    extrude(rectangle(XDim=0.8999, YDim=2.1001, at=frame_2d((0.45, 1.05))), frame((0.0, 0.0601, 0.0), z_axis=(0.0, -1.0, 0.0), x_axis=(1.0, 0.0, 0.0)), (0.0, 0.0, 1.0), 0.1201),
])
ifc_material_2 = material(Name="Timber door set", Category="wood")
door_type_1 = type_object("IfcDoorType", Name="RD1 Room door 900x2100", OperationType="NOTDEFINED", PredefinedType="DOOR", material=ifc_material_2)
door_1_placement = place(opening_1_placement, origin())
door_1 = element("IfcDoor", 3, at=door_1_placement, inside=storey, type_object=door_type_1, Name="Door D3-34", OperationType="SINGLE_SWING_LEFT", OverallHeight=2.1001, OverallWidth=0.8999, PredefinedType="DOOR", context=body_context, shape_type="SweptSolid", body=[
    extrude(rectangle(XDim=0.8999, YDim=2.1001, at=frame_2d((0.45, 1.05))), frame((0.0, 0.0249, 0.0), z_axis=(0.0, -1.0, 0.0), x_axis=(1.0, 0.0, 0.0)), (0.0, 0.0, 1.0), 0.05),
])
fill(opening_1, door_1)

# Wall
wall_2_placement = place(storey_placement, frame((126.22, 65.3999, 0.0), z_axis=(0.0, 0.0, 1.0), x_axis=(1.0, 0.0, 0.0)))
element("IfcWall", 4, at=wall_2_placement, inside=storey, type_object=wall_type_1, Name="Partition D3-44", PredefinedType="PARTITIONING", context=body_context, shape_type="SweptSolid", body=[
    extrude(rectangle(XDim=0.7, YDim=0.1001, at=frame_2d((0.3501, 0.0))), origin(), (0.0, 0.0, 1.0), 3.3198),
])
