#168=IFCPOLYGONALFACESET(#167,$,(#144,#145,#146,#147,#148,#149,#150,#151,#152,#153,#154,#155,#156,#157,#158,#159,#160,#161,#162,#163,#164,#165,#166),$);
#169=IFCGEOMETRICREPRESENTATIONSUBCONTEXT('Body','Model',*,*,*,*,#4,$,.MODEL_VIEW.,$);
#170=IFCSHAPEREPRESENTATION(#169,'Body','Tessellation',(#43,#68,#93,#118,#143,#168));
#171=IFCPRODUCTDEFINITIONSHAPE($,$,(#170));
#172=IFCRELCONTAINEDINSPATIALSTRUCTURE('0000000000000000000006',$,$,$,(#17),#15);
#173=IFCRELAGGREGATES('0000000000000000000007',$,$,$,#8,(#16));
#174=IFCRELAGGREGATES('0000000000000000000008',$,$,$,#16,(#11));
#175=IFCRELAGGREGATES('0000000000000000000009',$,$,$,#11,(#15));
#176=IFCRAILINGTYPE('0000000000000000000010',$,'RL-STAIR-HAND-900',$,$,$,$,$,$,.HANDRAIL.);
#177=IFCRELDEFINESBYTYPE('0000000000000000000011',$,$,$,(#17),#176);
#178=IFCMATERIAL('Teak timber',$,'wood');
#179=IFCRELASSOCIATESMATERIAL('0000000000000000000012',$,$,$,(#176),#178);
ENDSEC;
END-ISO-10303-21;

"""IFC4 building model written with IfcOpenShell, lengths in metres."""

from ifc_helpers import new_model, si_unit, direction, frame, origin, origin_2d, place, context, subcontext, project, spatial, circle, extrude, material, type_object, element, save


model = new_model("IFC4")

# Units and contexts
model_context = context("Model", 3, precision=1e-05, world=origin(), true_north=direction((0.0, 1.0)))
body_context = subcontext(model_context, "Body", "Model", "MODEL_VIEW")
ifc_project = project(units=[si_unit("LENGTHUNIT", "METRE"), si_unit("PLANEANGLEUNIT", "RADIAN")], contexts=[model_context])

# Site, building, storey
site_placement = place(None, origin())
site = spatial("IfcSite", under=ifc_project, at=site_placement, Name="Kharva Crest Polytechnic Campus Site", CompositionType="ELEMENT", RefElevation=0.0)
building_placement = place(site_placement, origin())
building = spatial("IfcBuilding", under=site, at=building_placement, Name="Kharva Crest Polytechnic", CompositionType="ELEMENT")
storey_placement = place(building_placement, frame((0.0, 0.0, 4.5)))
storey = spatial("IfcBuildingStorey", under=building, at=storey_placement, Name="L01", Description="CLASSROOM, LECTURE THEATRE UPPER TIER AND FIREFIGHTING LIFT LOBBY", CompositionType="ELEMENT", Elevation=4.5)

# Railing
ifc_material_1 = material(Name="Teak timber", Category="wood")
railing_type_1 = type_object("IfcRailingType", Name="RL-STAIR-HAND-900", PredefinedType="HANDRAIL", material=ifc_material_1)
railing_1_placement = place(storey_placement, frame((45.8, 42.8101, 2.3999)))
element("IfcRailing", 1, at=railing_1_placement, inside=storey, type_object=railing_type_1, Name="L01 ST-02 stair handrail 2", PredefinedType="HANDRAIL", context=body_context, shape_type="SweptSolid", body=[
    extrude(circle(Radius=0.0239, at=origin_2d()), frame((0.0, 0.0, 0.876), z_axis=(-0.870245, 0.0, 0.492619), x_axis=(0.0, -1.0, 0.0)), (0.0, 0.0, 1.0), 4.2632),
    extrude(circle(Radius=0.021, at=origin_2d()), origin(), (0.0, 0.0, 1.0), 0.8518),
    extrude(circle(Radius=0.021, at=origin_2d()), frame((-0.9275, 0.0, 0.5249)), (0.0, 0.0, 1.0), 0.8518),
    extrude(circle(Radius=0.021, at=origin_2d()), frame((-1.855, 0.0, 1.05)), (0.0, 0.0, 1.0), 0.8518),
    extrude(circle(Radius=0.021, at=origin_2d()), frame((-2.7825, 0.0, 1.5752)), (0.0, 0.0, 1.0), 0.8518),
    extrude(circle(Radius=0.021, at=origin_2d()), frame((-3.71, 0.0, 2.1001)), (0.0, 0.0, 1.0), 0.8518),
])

________

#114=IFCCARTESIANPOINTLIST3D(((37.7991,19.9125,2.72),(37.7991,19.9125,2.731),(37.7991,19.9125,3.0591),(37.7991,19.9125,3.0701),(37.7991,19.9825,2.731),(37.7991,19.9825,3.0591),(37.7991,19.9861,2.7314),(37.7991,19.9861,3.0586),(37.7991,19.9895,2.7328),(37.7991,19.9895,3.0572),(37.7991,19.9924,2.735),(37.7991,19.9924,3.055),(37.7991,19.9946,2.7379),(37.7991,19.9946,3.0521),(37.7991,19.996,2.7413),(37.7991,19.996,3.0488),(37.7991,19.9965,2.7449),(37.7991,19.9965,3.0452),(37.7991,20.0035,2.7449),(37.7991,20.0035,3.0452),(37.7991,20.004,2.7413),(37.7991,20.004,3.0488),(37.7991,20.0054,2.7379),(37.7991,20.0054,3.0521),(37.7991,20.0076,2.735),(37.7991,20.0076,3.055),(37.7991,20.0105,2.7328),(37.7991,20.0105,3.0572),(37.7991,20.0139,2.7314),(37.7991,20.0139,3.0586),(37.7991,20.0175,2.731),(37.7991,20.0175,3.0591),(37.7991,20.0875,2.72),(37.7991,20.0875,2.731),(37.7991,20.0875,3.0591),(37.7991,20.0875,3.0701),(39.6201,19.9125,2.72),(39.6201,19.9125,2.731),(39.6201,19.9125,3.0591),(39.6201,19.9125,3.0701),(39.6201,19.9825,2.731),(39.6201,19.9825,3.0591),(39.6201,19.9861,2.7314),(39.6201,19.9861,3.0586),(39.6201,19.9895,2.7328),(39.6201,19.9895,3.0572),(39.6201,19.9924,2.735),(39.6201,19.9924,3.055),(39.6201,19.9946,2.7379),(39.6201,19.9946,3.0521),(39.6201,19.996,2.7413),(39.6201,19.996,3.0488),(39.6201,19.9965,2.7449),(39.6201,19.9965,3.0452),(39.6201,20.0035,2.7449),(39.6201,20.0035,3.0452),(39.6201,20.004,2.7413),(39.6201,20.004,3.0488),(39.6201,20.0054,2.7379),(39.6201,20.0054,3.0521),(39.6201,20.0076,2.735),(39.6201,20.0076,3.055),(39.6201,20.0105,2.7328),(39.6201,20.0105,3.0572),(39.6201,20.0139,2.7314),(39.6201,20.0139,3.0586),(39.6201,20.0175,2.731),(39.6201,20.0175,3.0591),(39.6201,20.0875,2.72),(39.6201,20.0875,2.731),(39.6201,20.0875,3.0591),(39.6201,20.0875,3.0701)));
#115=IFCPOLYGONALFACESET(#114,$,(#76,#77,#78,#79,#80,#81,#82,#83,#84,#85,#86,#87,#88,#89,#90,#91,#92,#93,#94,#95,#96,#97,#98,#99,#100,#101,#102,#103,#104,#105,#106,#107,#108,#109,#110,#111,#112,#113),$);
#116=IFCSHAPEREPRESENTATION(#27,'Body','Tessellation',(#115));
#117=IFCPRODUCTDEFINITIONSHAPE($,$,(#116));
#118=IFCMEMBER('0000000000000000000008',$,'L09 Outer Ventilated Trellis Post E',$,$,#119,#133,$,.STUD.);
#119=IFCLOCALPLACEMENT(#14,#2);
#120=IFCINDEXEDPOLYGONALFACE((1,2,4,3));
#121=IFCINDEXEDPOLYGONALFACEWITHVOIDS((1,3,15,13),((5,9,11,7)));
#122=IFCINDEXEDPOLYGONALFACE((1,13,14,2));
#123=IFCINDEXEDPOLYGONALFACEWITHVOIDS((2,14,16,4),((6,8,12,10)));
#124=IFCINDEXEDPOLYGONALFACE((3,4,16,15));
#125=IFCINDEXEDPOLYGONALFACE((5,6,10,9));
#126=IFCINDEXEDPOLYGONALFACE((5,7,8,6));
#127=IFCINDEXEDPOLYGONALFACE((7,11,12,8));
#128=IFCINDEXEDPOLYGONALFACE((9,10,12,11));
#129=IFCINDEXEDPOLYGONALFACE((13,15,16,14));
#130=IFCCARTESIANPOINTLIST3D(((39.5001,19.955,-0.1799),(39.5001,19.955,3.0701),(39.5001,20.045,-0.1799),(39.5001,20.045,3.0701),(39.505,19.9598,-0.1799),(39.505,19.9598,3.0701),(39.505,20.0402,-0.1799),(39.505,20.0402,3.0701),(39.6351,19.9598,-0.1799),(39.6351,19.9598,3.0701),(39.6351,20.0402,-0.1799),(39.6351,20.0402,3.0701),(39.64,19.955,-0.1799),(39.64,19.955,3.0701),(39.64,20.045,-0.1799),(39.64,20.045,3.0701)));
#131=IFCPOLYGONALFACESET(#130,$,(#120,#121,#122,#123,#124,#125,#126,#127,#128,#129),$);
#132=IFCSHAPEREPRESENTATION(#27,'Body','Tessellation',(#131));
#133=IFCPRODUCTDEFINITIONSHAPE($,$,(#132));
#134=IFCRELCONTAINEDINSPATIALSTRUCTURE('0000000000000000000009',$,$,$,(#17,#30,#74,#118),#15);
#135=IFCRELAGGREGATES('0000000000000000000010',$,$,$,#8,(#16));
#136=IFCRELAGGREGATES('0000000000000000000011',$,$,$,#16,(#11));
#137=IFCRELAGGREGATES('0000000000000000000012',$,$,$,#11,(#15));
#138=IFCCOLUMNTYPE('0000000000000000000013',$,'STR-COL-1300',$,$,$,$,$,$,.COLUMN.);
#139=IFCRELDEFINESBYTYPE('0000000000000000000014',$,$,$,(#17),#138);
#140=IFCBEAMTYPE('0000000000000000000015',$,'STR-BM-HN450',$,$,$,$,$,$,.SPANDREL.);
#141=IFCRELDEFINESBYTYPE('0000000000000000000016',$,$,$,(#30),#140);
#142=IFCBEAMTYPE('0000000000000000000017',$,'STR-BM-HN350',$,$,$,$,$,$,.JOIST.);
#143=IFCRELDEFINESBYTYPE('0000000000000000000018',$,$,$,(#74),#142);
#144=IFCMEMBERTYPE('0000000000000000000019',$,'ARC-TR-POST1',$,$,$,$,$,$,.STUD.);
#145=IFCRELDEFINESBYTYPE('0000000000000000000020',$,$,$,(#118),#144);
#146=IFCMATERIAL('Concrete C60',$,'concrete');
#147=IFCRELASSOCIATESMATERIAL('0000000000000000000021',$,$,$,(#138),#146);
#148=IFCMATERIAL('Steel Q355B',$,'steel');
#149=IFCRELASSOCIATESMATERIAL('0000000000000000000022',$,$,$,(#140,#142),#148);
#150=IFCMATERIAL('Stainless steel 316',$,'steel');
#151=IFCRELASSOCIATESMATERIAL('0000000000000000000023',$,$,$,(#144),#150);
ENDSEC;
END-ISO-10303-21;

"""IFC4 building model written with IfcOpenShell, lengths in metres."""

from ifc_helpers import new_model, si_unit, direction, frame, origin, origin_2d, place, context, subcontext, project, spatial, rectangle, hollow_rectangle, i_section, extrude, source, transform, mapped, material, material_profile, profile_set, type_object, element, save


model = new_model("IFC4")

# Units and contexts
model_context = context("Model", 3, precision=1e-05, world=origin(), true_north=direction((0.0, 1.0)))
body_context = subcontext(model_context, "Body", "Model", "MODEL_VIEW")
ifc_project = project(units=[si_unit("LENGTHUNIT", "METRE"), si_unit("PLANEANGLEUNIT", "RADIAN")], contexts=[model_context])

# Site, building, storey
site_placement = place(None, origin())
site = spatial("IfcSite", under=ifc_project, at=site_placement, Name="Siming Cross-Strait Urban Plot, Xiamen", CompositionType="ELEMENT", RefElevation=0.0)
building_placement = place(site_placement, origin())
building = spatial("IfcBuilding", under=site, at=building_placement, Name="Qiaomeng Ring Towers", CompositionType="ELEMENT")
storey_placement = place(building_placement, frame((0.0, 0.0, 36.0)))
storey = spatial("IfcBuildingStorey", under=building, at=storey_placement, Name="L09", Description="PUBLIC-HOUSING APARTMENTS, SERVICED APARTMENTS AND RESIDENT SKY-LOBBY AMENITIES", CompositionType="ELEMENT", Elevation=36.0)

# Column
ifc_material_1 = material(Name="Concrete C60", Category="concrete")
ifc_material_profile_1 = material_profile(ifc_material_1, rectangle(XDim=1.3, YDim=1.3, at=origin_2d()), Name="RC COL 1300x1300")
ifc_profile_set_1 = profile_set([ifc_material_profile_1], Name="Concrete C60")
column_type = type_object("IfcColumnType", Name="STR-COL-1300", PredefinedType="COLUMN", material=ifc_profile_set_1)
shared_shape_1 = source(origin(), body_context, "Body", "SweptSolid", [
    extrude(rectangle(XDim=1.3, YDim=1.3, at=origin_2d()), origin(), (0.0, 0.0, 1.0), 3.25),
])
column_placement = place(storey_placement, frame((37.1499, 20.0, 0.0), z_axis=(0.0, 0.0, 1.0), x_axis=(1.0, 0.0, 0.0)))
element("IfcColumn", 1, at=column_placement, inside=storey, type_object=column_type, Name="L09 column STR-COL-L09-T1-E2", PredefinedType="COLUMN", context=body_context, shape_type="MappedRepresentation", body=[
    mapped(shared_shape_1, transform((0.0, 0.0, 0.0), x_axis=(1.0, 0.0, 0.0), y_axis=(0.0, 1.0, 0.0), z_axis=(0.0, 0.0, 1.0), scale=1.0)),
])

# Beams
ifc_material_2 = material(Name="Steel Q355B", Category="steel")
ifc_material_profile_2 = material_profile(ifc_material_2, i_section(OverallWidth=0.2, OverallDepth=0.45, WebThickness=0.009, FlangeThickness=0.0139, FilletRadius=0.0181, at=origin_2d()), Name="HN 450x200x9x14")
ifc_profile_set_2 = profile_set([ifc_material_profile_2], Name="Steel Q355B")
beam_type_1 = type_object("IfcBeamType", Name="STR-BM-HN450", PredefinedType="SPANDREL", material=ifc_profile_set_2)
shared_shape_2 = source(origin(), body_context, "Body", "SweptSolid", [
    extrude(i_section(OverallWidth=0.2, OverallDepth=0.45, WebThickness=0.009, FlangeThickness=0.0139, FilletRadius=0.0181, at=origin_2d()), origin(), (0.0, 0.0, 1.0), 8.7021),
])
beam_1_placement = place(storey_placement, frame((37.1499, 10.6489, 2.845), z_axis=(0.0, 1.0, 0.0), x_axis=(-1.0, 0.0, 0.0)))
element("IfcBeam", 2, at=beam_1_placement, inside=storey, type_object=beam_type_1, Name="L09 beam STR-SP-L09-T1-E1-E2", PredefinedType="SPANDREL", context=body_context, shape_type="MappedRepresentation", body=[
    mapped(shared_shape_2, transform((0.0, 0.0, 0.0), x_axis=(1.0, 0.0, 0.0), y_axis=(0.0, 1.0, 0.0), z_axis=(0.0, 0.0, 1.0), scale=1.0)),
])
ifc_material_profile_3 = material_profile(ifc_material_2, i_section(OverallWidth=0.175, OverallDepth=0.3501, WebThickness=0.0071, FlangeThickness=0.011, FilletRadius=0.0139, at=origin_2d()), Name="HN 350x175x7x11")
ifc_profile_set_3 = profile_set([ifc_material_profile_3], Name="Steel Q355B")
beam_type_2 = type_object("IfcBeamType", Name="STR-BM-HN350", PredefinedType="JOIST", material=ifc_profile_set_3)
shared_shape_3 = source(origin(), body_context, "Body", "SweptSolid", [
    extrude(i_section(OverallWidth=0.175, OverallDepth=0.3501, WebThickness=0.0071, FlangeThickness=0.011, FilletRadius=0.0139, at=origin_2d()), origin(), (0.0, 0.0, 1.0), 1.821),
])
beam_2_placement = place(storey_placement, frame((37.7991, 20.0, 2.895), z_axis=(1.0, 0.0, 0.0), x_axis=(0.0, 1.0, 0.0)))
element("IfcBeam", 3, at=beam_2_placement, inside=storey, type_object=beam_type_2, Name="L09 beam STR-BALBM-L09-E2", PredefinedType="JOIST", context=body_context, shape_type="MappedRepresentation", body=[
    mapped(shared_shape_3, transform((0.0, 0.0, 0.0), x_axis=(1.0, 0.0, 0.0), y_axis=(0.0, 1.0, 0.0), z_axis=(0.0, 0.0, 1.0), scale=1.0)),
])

________

__PROBLEM DESCRIPTION__
The answer must consist of every line from the entries that holds the string "IFCRELASSOCIATESMATERIAL".

__OUTPUT OF THE EXERCISE__
#179=IFCRELASSOCIATESMATERIAL('0000000000000000000012',$,$,$,(#176),#178);
#147=IFCRELASSOCIATESMATERIAL('0000000000000000000021',$,$,$,(#138),#146);
#149=IFCRELASSOCIATESMATERIAL('0000000000000000000022',$,$,$,(#140,#142),#148);
#151=IFCRELASSOCIATESMATERIAL('0000000000000000000023',$,$,$,(#144),#150);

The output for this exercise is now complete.